- _Task item_: Output every record precisely.

Items from a data source:
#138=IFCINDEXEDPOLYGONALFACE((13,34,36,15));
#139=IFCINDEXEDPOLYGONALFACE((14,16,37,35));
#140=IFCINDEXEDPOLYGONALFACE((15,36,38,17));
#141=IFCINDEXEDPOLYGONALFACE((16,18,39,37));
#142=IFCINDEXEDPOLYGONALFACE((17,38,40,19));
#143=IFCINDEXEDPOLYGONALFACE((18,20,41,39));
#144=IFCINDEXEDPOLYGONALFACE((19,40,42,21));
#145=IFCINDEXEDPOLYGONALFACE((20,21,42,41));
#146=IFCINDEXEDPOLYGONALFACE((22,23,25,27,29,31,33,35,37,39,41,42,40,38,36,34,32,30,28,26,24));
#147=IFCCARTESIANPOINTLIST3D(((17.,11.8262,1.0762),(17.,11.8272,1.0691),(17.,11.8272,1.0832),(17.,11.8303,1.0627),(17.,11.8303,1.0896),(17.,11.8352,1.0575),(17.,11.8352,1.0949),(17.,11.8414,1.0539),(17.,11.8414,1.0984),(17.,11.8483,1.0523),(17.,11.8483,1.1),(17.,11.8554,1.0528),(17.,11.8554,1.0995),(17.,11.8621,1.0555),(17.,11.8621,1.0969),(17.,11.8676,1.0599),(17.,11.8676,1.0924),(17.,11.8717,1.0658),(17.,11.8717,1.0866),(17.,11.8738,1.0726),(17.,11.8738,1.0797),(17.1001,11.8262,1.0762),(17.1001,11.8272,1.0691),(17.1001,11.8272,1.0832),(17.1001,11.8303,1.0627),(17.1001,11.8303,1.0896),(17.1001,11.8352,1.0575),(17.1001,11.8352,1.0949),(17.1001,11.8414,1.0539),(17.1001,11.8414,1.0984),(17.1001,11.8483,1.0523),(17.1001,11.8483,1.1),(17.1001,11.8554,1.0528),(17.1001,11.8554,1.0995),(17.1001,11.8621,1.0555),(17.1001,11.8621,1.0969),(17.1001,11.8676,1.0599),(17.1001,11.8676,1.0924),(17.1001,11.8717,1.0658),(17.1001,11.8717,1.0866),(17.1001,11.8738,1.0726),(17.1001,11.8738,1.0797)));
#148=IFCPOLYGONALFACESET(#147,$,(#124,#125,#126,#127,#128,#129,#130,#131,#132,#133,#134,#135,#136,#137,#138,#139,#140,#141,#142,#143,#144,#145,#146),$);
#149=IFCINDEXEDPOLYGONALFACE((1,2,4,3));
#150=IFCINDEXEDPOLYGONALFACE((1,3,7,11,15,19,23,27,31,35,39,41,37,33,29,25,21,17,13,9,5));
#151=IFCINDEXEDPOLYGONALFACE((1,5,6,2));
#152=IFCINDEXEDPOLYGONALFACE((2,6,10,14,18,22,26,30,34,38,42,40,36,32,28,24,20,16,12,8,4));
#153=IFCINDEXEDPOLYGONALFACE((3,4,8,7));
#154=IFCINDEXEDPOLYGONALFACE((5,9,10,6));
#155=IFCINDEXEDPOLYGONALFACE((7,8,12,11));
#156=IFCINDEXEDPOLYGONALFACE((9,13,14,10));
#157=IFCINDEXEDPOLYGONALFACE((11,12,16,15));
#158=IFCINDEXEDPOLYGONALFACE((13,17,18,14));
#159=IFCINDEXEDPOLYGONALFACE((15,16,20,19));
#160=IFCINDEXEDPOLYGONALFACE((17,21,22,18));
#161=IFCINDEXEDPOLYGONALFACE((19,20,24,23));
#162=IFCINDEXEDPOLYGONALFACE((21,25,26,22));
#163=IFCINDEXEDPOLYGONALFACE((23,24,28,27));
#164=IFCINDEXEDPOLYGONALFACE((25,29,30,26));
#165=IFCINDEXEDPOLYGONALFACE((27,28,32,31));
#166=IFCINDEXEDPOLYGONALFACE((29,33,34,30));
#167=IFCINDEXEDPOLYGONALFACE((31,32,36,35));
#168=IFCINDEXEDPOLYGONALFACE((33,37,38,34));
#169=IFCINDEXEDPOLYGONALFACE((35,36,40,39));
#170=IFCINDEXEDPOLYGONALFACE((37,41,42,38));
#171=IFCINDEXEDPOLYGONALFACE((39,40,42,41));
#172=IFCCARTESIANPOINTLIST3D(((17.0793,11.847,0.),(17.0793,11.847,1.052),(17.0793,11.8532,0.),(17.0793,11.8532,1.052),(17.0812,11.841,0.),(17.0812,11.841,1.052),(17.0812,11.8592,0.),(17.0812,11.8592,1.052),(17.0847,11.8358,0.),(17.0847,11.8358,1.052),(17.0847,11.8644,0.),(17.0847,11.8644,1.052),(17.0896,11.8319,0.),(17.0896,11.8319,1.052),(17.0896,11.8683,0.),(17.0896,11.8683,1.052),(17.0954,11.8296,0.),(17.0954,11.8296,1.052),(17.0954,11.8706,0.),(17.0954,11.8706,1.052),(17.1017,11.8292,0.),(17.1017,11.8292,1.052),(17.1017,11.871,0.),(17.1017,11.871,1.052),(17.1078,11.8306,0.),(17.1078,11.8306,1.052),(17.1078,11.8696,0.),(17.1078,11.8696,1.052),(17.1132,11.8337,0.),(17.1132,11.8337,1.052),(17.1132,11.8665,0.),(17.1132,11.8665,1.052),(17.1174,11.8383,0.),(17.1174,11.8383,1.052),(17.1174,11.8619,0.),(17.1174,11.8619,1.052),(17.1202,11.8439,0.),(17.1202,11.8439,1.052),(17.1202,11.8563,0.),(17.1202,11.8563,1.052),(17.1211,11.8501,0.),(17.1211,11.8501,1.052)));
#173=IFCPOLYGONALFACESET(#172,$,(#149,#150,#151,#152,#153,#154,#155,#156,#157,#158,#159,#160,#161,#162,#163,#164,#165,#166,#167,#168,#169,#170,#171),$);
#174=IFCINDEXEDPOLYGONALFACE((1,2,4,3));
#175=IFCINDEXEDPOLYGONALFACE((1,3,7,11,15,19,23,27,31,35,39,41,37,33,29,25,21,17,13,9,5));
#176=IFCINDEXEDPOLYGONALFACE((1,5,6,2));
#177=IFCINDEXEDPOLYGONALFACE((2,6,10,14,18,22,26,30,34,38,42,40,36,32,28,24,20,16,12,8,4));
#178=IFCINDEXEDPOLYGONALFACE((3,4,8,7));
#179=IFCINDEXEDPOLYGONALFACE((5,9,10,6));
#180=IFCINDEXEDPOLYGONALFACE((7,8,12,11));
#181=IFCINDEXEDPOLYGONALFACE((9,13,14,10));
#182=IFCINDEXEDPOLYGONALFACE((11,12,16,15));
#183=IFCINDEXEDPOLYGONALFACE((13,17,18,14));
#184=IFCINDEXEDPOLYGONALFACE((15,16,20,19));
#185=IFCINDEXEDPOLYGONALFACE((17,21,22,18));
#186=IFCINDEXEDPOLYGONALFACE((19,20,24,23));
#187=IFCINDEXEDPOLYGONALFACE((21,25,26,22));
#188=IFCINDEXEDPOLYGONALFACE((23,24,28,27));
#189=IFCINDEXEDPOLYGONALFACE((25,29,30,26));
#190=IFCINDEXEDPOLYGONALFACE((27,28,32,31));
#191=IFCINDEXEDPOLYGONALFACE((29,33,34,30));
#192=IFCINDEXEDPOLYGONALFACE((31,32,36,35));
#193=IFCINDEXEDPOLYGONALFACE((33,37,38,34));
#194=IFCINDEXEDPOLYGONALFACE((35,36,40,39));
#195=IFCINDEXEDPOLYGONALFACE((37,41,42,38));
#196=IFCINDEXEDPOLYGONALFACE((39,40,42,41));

- _Response_:
#138=IFCINDEXEDPOLYGONALFACE((13,34,36,15));
#139=IFCINDEXEDPOLYGONALFACE((14,16,37,35));
#140=IFCINDEXEDPOLYGONALFACE((15,36,38,17));
#141=IFCINDEXEDPOLYGONALFACE((16,18,39,37));
#142=IFCINDEXEDPOLYGONALFACE((17,38,40,19));
#143=IFCINDEXEDPOLYGONALFACE((18,20,41,39));
#144=IFCINDEXEDPOLYGONALFACE((19,40,42,21));
#145=IFCINDEXEDPOLYGONALFACE((20,21,42,41));
#146=IFCINDEXEDPOLYGONALFACE((22,23,25,27,29,31,33,35,37,39,41,42,40,38,36,34,32,30,28,26,24));
#147=IFCCARTESIANPOINTLIST3D(((17.,11.8262,1.0762),(17.,11.8272,1.0691),(17.,11.8272,1.0832),(17.,11.8303,1.0627),(17.,11.8303,1.0896),(17.,11.8352,1.0575),(17.,11.8352,1.0949),(17.,11.8414,1.0539),(17.,11.8414,1.0984),(17.,11.8483,1.0523),(17.,11.8483,1.1),(17.,11.8554,1.0528),(17.,11.8554,1.0995),(17.,11.8621,1.0555),(17.,11.8621,1.0969),(17.,11.8676,1.0599),(17.,11.8676,1.0924),(17.,11.8717,1.0658),(17.,11.8717,1.0866),(17.,11.8738,1.0726),(17.,11.8738,1.0797),(17.1001,11.8262,1.0762),(17.1001,11.8272,1.0691),(17.1001,11.8272,1.0832),(17.1001,11.8303,1.0627),(17.1001,11.8303,1.0896),(17.1001,11.8352,1.0575),(17.1001,11.8352,1.0949),(17.1001,11.8414,1.0539),(17.1001,11.8414,1.0984),(17.1001,11.8483,1.0523),(17.1001,11.8483,1.1),(17.1001,11.8554,1.0528),(17.1001,11.8554,1.0995),(17.1001,11.8621,1.0555),(17.1001,11.8621,1.0969),(17.1001,11.8676,1.0599),(17.1001,11.8676,1.0924),(17.1001,11.8717,1.0658),(17.1001,11.8717,1.0866),(17.1001,11.8738,1.0726),(17.1001,11.8738,1.0797)));
#148=IFCPOLYGONALFACESET(#147,$,(#124,#125,#126,#127,#128,#129,#130,#131,#132,#133,#134,#135,#136,#137,#138,#139,#140,#141,#142,#143,#144,#145,#146),$);
#149=IFCINDEXEDPOLYGONALFACE((1,2,4,3));
#150=IFCINDEXEDPOLYGONALFACE((1,3,7,11,15,19,23,27,31,35,39,41,37,33,29,25,21,17,13,9,5));
#151=IFCINDEXEDPOLYGONALFACE((1,5,6,2));
#152=IFCINDEXEDPOLYGONALFACE((2,6,10,14,18,22,26,30,34,38,42,40,36,32,28,24,20,16,12,8,4));
#153=IFCINDEXEDPOLYGONALFACE((3,4,8,7));
#154=IFCINDEXEDPOLYGONALFACE((5,9,10,6));
#155=IFCINDEXEDPOLYGONALFACE((7,8,12,11));
#156=IFCINDEXEDPOLYGONALFACE((9,13,14,10));
#157=IFCINDEXEDPOLYGONALFACE((11,12,16,15));
#158=IFCINDEXEDPOLYGONALFACE((13,17,18,14));
#159=IFCINDEXEDPOLYGONALFACE((15,16,20,19));
#160=IFCINDEXEDPOLYGONALFACE((17,21,22,18));
#161=IFCINDEXEDPOLYGONALFACE((19,20,24,23));
#162=IFCINDEXEDPOLYGONALFACE((21,25,26,22));
#163=IFCINDEXEDPOLYGONALFACE((23,24,28,27));
#164=IFCINDEXEDPOLYGONALFACE((25,29,30,26));
#165=IFCINDEXEDPOLYGONALFACE((27,28,32,31));
#166=IFCINDEXEDPOLYGONALFACE((29,33,34,30));
#167=IFCINDEXEDPOLYGONALFACE((31,32,36,35));
#168=IFCINDEXEDPOLYGONALFACE((33,37,38,34));
#169=IFCINDEXEDPOLYGONALFACE((35,36,40,39));
#170=IFCINDEXEDPOLYGONALFACE((37,41,42,38));
#171=IFCINDEXEDPOLYGONALFACE((39,40,42,41));
#172=IFCCARTESIANPOINTLIST3D(((17.0793,11.847,0.),(17.0793,11.847,1.052),(17.0793,11.8532,0.),(17.0793,11.8532,1.052),(17.0812,11.841,0.),(17.0812,11.841,1.052),(17.0812,11.8592,0.),(17.0812,11.8592,1.052),(17.0847,11.8358,0.),(17.0847,11.8358,1.052),(17.0847,11.8644,0.),(17.0847,11.8644,1.052),(17.0896,11.8319,0.),(17.0896,11.8319,1.052),(17.0896,11.8683,0.),(17.0896,11.8683,1.052),(17.0954,11.8296,0.),(17.0954,11.8296,1.052),(17.0954,11.8706,0.),(17.0954,11.8706,1.052),(17.1017,11.8292,0.),(17.1017,11.8292,1.052),(17.1017,11.871,0.),(17.1017,11.871,1.052),(17.1078,11.8306,0.),(17.1078,11.8306,1.052),(17.1078,11.8696,0.),(17.1078,11.8696,1.052),(17.1132,11.8337,0.),(17.1132,11.8337,1.052),(17.1132,11.8665,0.),(17.1132,11.8665,1.052),(17.1174,11.8383,0.),(17.1174,11.8383,1.052),(17.1174,11.8619,0.),(17.1174,11.8619,1.052),(17.1202,11.8439,0.),(17.1202,11.8439,1.052),(17.1202,11.8563,0.),(17.1202,11.8563,1.052),(17.1211,11.8501,0.),(17.1211,11.8501,1.052)));
#173=IFCPOLYGONALFACESET(#172,$,(#149,#150,#151,#152,#153,#154,#155,#156,#157,#158,#159,#160,#161,#162,#163,#164,#165,#166,#167,#168,#169,#170,#171),$);
#174=IFCINDEXEDPOLYGONALFACE((1,2,4,3));
#175=IFCINDEXEDPOLYGONALFACE((1,3,7,11,15,19,23,27,31,35,39,41,37,33,29,25,21,17,13,9,5));
#176=IFCINDEXEDPOLYGONALFACE((1,5,6,2));
#177=IFCINDEXEDPOLYGONALFACE((2,6,10,14,18,22,26,30,34,38,42,40,36,32,28,24,20,16,12,8,4));
#178=IFCINDEXEDPOLYGONALFACE((3,4,8,7));
#179=IFCINDEXEDPOLYGONALFACE((5,9,10,6));
#180=IFCINDEXEDPOLYGONALFACE((7,8,12,11));
#181=IFCINDEXEDPOLYGONALFACE((9,13,14,10));
#182=IFCINDEXEDPOLYGONALFACE((11,12,16,15));
#183=IFCINDEXEDPOLYGONALFACE((13,17,18,14));
#184=IFCINDEXEDPOLYGONALFACE((15,16,20,19));
#185=IFCINDEXEDPOLYGONALFACE((17,21,22,18));
#186=IFCINDEXEDPOLYGONALFACE((19,20,24,23));
#187=IFCINDEXEDPOLYGONALFACE((21,25,26,22));
#188=IFCINDEXEDPOLYGONALFACE((23,24,28,27));
#189=IFCINDEXEDPOLYGONALFACE((25,29,30,26));
#190=IFCINDEXEDPOLYGONALFACE((27,28,32,31));
#191=IFCINDEXEDPOLYGONALFACE((29,33,34,30));
#192=IFCINDEXEDPOLYGONALFACE((31,32,36,35));
#193=IFCINDEXEDPOLYGONALFACE((33,37,38,34));
#194=IFCINDEXEDPOLYGONALFACE((35,36,40,39));
#195=IFCINDEXEDPOLYGONALFACE((37,41,42,38));
#196=IFCINDEXEDPOLYGONALFACE((39,40,42,41));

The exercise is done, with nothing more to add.